■ **Work instructions**: For the records below, print the lines from the line with "#173=IFCINDEXEDPOLYGONALFACE((1,9,21,13));" through the line with "#153=IFCMATERIAL('Brushed stainless steel" exactly as written; include both end lines and exclude the rest.

■ **Exercise data**:

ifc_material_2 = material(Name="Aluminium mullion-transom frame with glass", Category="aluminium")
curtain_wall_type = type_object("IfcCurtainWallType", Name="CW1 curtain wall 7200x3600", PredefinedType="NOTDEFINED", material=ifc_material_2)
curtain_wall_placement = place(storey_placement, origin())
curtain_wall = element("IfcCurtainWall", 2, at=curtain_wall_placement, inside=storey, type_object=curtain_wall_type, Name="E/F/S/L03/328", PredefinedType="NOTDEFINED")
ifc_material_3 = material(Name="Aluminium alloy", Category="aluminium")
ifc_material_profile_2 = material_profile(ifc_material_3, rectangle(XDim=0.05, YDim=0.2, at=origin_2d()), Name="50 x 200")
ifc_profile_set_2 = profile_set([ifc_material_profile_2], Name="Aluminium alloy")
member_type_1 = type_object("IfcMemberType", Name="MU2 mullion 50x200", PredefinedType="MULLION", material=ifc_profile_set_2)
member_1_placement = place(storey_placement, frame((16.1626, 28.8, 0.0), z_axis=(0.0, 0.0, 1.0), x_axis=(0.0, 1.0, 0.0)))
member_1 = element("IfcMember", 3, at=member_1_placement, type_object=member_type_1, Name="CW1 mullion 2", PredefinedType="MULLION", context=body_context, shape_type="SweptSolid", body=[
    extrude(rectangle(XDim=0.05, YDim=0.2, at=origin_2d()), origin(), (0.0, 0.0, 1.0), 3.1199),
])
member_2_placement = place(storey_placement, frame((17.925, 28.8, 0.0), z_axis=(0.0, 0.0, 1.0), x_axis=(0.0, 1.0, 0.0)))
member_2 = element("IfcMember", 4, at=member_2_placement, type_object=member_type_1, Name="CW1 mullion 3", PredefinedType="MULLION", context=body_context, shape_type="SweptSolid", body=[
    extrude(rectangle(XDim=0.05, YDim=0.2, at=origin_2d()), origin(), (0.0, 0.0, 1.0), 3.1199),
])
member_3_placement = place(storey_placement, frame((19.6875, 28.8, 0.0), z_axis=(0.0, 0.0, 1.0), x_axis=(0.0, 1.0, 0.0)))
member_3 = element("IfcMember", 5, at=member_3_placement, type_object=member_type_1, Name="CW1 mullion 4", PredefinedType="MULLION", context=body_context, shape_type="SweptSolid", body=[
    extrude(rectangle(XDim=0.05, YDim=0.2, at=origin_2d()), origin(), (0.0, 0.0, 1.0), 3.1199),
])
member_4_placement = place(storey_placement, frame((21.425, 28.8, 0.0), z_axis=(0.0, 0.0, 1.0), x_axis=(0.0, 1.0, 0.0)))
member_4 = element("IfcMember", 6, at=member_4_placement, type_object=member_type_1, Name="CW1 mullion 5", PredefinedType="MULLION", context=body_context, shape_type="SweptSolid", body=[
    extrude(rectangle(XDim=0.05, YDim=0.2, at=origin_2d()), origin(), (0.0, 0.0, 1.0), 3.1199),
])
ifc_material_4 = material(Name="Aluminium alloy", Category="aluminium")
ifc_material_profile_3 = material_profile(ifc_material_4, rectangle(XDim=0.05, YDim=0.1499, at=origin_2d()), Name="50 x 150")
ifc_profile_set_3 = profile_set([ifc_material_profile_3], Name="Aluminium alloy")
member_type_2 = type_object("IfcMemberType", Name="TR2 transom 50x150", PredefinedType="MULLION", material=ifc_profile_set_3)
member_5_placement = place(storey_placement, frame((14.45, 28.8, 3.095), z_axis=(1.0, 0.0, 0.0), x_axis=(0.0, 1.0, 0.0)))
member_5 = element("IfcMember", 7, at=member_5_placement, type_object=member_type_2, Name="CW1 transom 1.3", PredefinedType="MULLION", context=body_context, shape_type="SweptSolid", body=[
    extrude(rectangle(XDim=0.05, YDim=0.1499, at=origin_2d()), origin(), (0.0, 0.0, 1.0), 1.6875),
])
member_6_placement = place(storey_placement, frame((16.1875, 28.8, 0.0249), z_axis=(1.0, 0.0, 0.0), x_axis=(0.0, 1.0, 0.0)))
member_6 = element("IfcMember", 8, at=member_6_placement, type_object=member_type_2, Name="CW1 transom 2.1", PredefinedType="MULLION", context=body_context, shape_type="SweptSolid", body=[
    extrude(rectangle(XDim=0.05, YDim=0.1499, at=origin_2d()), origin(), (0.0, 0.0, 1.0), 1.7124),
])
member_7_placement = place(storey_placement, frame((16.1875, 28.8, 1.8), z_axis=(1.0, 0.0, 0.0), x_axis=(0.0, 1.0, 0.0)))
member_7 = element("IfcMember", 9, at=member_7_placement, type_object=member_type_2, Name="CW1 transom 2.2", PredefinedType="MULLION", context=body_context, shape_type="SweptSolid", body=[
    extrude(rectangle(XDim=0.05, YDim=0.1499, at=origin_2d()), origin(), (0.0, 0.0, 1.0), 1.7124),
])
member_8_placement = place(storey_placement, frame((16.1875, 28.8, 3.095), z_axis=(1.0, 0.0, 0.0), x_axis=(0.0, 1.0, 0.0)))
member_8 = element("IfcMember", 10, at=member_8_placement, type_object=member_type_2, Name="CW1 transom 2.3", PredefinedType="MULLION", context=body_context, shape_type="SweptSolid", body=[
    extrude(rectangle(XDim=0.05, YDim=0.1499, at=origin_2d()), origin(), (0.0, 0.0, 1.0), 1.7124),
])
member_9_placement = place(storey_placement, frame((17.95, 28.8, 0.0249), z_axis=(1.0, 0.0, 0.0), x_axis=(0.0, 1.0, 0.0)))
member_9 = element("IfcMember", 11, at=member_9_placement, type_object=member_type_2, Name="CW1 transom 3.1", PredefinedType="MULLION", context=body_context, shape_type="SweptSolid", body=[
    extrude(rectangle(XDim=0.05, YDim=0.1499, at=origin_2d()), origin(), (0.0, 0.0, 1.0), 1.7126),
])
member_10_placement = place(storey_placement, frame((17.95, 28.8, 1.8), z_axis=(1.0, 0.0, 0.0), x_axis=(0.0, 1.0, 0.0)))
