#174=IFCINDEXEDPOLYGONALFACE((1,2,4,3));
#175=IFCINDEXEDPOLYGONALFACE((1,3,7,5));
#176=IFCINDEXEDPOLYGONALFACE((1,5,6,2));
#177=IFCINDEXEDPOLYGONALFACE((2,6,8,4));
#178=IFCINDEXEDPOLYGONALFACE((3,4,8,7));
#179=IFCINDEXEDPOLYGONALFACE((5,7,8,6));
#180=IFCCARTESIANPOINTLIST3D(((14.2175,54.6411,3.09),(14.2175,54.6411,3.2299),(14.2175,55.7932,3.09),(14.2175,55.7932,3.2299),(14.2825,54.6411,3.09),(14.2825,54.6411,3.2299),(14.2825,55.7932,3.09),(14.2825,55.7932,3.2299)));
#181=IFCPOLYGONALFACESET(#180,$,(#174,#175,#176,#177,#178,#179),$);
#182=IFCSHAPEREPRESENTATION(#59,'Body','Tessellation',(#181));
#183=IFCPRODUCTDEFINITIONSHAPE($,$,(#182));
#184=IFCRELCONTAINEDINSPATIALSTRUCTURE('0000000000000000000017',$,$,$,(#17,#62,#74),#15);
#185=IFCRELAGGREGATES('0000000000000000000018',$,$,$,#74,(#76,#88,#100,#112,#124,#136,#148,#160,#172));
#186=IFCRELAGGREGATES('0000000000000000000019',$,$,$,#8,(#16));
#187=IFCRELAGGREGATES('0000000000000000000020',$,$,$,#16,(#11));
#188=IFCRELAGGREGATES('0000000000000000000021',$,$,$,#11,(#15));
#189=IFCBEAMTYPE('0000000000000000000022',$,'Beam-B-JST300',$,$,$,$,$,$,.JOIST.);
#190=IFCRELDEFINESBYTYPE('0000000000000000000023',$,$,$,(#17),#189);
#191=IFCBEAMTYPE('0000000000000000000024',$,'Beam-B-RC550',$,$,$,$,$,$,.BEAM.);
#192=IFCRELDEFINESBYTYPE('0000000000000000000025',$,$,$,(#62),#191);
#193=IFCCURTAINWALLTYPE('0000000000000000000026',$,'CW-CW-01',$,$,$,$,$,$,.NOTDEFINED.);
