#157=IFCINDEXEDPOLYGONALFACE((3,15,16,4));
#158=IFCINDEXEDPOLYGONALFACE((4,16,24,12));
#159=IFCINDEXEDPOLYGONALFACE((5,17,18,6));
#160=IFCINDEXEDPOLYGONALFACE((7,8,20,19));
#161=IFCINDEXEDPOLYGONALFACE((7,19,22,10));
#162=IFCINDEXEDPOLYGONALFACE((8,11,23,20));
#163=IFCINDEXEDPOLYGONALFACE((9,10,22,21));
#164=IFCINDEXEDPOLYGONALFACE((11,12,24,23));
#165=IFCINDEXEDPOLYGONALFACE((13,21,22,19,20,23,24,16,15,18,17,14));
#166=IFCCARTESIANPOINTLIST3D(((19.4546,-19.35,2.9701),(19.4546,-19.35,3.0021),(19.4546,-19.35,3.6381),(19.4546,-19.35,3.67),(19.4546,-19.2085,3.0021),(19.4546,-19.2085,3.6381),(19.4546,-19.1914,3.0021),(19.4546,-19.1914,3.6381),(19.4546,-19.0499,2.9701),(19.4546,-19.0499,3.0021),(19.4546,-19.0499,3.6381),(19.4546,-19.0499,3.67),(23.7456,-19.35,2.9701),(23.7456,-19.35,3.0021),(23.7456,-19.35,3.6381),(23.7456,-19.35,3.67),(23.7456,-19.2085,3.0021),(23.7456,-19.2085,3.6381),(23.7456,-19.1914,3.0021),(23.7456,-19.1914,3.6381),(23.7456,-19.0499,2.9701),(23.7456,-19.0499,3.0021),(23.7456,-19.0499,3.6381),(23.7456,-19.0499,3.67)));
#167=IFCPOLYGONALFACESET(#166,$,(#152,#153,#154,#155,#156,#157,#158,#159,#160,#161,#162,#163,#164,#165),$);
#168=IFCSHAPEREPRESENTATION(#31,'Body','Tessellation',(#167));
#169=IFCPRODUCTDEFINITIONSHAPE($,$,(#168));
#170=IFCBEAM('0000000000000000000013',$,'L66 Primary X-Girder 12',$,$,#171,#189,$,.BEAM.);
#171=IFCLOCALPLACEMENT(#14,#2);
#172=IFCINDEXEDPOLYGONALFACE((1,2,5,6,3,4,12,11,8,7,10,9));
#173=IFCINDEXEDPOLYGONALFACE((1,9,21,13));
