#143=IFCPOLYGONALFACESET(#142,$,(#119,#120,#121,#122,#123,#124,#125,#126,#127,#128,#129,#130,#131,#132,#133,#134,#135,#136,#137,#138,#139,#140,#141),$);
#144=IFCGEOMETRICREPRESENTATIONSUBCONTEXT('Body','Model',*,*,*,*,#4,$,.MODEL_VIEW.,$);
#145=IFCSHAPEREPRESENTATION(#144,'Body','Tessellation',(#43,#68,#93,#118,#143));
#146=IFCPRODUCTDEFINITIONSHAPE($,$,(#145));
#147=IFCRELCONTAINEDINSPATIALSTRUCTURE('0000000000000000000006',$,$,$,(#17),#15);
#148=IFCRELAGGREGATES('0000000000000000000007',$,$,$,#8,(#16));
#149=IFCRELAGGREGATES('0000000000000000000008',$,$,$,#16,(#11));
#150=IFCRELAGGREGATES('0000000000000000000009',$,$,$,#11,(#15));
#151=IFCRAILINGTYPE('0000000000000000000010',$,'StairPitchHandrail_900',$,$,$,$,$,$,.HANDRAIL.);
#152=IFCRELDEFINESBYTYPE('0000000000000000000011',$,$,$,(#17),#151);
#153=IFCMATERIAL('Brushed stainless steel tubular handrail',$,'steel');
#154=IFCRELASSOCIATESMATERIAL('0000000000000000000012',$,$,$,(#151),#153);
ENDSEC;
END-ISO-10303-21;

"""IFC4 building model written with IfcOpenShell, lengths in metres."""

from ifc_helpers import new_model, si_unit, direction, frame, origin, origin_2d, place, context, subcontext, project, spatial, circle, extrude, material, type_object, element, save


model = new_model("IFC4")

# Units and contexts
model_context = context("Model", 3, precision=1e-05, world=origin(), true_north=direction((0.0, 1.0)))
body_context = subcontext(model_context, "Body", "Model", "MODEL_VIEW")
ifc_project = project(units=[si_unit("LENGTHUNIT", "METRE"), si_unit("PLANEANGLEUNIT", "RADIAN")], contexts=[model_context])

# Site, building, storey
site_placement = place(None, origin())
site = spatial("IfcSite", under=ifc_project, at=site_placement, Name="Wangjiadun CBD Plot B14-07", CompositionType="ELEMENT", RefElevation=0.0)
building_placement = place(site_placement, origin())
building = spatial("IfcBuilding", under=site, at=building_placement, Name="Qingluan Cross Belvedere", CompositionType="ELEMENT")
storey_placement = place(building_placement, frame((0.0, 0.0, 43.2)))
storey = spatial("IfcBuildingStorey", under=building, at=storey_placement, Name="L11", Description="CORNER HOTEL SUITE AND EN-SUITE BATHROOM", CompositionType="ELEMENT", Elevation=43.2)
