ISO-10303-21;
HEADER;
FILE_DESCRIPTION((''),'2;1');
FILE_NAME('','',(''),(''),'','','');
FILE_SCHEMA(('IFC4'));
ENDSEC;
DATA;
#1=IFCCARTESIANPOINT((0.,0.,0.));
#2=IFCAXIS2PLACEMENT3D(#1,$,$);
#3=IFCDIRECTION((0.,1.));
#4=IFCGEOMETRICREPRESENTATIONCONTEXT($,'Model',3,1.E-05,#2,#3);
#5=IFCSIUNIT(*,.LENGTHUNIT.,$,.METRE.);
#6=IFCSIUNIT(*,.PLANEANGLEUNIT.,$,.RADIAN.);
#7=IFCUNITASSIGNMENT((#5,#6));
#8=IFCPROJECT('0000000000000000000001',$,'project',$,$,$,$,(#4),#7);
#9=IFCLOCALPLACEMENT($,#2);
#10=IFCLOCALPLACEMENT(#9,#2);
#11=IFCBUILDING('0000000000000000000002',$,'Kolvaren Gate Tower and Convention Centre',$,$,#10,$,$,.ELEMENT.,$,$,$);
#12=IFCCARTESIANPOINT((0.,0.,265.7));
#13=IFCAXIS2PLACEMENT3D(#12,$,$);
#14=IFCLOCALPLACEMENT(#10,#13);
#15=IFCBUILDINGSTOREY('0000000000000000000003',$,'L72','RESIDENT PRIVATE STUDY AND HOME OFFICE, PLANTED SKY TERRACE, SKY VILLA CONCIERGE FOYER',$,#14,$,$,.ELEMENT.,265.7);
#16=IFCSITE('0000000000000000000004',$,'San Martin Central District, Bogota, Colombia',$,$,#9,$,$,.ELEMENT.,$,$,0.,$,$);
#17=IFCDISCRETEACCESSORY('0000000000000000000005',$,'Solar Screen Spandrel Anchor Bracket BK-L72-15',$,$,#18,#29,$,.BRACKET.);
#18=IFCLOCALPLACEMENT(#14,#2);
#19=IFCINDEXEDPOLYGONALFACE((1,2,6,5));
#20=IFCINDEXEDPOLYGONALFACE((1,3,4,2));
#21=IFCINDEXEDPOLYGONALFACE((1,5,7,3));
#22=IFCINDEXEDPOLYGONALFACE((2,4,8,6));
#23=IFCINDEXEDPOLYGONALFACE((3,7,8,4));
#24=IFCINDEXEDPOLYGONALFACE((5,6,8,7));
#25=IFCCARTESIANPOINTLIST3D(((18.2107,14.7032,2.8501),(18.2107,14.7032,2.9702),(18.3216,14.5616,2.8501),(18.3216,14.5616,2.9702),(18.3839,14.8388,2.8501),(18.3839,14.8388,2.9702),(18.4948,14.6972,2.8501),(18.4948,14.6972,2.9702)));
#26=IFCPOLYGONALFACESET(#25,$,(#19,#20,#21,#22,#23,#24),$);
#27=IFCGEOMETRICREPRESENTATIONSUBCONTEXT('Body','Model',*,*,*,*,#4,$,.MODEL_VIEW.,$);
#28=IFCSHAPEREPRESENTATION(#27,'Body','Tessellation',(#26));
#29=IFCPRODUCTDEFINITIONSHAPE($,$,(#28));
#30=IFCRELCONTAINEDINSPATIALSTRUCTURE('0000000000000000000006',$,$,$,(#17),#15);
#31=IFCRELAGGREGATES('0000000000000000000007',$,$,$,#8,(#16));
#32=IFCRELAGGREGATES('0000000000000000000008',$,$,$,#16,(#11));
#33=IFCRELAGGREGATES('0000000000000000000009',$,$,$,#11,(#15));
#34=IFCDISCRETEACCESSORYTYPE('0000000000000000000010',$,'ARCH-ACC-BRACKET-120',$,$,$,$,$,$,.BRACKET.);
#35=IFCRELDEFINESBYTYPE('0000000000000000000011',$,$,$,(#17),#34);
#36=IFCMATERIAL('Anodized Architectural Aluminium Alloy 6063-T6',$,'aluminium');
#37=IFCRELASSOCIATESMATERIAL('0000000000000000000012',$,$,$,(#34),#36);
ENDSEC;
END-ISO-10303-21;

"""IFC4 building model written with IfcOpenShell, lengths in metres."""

from ifc_helpers import new_model, si_unit, direction, frame, origin, origin_2d, place, context, subcontext, project, spatial, rectangle, extrude, material, type_object, element, save


model = new_model("IFC4")

# Units and contexts
model_context = context("Model", 3, precision=1e-05, world=origin(), true_north=direction((0.0, 1.0)))
body_context = subcontext(model_context, "Body", "Model", "MODEL_VIEW")
ifc_project = project(units=[si_unit("LENGTHUNIT", "METRE"), si_unit("PLANEANGLEUNIT", "RADIAN")], contexts=[model_context])

# Site, building, storey
site_placement = place(None, origin())
site = spatial("IfcSite", under=ifc_project, at=site_placement, Name="San Martin Central District, Bogota, Colombia", CompositionType="ELEMENT", RefElevation=0.0)
building_placement = place(site_placement, origin())
building = spatial("IfcBuilding", under=site, at=building_placement, Name="Kolvaren Gate Tower and Convention Centre", CompositionType="ELEMENT")
storey_placement = place(building_placement, frame((0.0, 0.0, 265.7)))
storey = spatial("IfcBuildingStorey", under=building, at=storey_placement, Name="L72", Description="RESIDENT PRIVATE STUDY AND HOME OFFICE, PLANTED SKY TERRACE, SKY VILLA CONCIERGE FOYER", CompositionType="ELEMENT", Elevation=265.7)

# Shared definitions
ifc_material_1 = material(Name="Anodized Architectural Aluminium Alloy 6063-T6", Category="aluminium")

# Discrete accessory
discrete_accessory_type = type_object("IfcDiscreteAccessoryType", Name="ARCH-ACC-BRACKET-120", PredefinedType="BRACKET", material=ifc_material_1)
discrete_accessory_placement = place(storey_placement, frame((18.3528, 14.7002, 2.8501), z_axis=(0.0, 0.0, 1.0), x_axis=(0.61643, -0.78741, 0.0)))
element("IfcDiscreteAccessory", 1, at=discrete_accessory_placement, inside=storey, type_object=discrete_accessory_type, Name="Solar Screen Spandrel Anchor Bracket BK-L72-15", PredefinedType="BRACKET", context=body_context, shape_type="SweptSolid", body=[
    extrude(rectangle(XDim=0.1799, YDim=0.22, at=origin_2d()), origin(), (0.0, 0.0, 1.0), 0.1201),
])

save(model, "model.ifc")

■ **Answer to the problem**:
#173=IFCINDEXEDPOLYGONALFACE((1,9,21,13));
#143=IFCPOLYGONALFACESET(#142,$,(#119,#120,#121,#122,#123,#124,#125,#126,#127,#128,#129,#130,#131,#132,#133,#134,#135,#136,#137,#138,#139,#140,#141),$);
#144=IFCGEOMETRICREPRESENTATIONSUBCONTEXT('Body','Model',*,*,*,*,#4,$,.MODEL_VIEW.,$);
#145=IFCSHAPEREPRESENTATION(#144,'Body','Tessellation',(#43,#68,#93,#118,#143));
#146=IFCPRODUCTDEFINITIONSHAPE($,$,(#145));
#147=IFCRELCONTAINEDINSPATIALSTRUCTURE('0000000000000000000006',$,$,$,(#17),#15);
#148=IFCRELAGGREGATES('0000000000000000000007',$,$,$,#8,(#16));
#149=IFCRELAGGREGATES('0000000000000000000008',$,$,$,#16,(#11));
#150=IFCRELAGGREGATES('0000000000000000000009',$,$,$,#11,(#15));
#151=IFCRAILINGTYPE('0000000000000000000010',$,'StairPitchHandrail_900',$,$,$,$,$,$,.HANDRAIL.);
#152=IFCRELDEFINESBYTYPE('0000000000000000000011',$,$,$,(#17),#151);
#153=IFCMATERIAL('Brushed stainless steel tubular handrail',$,'steel');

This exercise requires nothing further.